Stored data entries:
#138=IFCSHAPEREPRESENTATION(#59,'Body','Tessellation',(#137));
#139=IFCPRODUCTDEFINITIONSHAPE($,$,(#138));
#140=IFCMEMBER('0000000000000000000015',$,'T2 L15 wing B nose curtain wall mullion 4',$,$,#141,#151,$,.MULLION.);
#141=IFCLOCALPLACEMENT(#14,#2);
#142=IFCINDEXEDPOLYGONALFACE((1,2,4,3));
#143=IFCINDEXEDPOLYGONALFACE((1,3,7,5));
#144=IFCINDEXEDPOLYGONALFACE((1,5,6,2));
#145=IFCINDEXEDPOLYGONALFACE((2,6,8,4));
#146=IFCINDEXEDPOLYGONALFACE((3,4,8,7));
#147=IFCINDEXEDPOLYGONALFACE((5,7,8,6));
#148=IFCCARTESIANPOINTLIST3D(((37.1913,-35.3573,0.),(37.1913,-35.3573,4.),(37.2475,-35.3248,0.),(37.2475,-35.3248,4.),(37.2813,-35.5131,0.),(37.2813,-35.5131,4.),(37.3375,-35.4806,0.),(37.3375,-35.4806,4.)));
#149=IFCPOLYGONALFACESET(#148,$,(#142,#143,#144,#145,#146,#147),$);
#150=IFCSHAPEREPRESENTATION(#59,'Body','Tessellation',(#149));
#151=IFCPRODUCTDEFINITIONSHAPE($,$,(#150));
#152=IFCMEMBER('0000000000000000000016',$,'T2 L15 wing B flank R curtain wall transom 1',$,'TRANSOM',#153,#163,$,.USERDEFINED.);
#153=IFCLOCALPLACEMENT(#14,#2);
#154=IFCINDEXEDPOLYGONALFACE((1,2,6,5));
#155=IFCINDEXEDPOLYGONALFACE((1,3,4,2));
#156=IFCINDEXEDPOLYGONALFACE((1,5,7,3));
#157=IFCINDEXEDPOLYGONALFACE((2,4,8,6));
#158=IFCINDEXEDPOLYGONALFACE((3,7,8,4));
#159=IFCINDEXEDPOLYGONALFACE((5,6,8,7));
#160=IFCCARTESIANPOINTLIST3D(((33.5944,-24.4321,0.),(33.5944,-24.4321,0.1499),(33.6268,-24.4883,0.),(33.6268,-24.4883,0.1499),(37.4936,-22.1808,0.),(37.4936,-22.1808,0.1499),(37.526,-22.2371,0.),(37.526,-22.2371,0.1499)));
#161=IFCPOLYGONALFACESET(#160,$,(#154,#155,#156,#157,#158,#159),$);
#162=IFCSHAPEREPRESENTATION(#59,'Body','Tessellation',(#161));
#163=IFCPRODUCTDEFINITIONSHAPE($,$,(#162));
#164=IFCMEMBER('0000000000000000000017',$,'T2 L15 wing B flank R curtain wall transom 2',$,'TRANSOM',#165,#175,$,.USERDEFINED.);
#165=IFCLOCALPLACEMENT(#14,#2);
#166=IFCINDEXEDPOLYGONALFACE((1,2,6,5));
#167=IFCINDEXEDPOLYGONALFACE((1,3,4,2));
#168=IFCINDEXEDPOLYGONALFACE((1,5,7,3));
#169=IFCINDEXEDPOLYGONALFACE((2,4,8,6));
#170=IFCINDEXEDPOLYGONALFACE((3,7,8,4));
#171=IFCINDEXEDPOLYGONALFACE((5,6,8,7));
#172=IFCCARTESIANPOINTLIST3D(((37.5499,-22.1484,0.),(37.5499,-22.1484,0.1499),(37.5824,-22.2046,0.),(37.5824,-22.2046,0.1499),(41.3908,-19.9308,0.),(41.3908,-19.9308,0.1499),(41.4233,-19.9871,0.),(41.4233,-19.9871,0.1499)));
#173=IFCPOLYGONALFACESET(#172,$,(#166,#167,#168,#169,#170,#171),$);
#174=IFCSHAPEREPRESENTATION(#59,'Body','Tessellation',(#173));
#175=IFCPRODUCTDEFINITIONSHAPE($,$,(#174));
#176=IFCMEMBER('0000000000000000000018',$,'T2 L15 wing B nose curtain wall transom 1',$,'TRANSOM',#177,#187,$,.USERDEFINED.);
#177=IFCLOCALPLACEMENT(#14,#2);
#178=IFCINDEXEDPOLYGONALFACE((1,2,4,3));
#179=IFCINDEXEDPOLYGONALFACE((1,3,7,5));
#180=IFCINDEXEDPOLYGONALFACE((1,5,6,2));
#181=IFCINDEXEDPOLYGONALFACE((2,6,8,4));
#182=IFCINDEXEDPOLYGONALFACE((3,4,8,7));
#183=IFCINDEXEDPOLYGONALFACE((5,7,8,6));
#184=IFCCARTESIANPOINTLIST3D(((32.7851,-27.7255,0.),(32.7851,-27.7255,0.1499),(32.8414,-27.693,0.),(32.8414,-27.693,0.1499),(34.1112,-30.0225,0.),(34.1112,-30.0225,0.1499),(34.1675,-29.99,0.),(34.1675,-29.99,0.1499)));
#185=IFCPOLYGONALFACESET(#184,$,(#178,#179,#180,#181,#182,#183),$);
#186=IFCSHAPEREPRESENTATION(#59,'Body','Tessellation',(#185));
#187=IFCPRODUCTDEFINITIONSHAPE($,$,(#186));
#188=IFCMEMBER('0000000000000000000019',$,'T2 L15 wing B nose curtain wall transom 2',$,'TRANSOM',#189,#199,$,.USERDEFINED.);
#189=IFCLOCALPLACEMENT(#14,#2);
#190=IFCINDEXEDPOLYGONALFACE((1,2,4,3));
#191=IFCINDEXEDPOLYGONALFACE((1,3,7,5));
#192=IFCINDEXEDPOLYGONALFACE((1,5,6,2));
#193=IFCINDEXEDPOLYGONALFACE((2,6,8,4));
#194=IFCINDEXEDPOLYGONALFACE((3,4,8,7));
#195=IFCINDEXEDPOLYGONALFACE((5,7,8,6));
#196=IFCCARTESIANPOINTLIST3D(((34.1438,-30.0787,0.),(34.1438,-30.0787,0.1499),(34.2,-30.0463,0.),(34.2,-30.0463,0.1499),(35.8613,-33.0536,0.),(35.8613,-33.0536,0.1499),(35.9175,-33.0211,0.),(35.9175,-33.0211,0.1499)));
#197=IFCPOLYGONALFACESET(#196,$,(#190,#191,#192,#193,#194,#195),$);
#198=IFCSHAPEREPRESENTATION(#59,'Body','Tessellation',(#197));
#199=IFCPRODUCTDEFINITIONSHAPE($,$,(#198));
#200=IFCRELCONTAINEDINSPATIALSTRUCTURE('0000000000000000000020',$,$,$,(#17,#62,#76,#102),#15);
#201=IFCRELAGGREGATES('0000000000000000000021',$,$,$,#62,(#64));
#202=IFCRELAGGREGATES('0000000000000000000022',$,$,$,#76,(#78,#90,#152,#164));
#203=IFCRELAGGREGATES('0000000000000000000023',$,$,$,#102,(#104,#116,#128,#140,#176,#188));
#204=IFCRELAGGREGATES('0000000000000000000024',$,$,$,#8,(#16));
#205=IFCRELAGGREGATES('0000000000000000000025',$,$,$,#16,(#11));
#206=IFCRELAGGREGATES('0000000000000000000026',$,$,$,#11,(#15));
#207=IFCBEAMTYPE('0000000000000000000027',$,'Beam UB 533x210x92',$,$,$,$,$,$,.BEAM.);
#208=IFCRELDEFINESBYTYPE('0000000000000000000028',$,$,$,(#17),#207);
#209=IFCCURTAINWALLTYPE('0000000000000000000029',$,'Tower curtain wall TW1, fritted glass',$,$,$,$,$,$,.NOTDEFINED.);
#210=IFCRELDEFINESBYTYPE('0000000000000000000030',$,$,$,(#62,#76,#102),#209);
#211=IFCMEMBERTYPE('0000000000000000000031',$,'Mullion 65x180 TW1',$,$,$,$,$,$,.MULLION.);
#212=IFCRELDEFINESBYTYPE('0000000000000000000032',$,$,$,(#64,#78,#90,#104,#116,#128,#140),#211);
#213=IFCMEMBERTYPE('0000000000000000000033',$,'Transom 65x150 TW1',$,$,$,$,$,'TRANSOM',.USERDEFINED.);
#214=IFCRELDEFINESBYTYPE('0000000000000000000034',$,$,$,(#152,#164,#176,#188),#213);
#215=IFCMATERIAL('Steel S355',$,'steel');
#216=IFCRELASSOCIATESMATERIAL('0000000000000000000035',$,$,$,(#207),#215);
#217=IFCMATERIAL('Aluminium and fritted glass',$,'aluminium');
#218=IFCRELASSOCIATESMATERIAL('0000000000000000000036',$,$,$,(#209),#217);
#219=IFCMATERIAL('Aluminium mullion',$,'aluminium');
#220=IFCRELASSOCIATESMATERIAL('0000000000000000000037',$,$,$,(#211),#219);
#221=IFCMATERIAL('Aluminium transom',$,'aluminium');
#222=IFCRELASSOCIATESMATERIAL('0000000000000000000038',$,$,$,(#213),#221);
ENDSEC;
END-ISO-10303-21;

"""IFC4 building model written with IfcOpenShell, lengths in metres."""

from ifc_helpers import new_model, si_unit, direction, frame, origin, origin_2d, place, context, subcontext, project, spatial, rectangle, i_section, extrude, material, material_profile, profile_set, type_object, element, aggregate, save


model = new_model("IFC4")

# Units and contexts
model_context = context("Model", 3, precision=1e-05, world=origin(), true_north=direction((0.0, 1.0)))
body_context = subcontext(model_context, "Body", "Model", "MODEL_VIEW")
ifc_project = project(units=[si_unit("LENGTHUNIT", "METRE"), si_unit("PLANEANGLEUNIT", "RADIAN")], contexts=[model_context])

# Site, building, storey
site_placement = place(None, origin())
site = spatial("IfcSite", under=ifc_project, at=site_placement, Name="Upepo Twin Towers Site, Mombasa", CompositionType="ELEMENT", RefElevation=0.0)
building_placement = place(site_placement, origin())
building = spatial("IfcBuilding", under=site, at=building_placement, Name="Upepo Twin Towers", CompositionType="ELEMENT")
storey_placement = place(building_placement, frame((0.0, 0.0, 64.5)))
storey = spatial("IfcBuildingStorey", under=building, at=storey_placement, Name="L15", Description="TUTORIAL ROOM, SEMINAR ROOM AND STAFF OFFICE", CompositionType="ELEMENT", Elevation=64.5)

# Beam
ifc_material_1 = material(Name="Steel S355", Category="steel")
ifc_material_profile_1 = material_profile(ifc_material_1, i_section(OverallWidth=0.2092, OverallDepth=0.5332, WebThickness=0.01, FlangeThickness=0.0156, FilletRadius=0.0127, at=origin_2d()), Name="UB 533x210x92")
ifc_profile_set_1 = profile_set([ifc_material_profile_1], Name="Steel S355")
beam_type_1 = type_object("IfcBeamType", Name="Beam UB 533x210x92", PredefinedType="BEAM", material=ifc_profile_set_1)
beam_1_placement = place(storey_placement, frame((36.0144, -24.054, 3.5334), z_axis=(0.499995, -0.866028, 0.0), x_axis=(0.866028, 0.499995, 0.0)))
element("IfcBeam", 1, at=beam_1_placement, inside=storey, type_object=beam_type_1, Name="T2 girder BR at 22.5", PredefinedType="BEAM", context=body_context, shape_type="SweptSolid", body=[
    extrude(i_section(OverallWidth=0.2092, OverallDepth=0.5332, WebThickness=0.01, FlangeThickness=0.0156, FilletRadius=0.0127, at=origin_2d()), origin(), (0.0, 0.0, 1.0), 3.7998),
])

*WHAT TO DO*.
In the entries above, locate every line with the word "fritted" and copy it.

*SOLUTION TO THE EXERCISE*.
#209=IFCCURTAINWALLTYPE('0000000000000000000029',$,'Tower curtain wall TW1, fritted glass',$,$,$,$,$,$,.NOTDEFINED.);
#217=IFCMATERIAL('Aluminium and fritted glass',$,'aluminium');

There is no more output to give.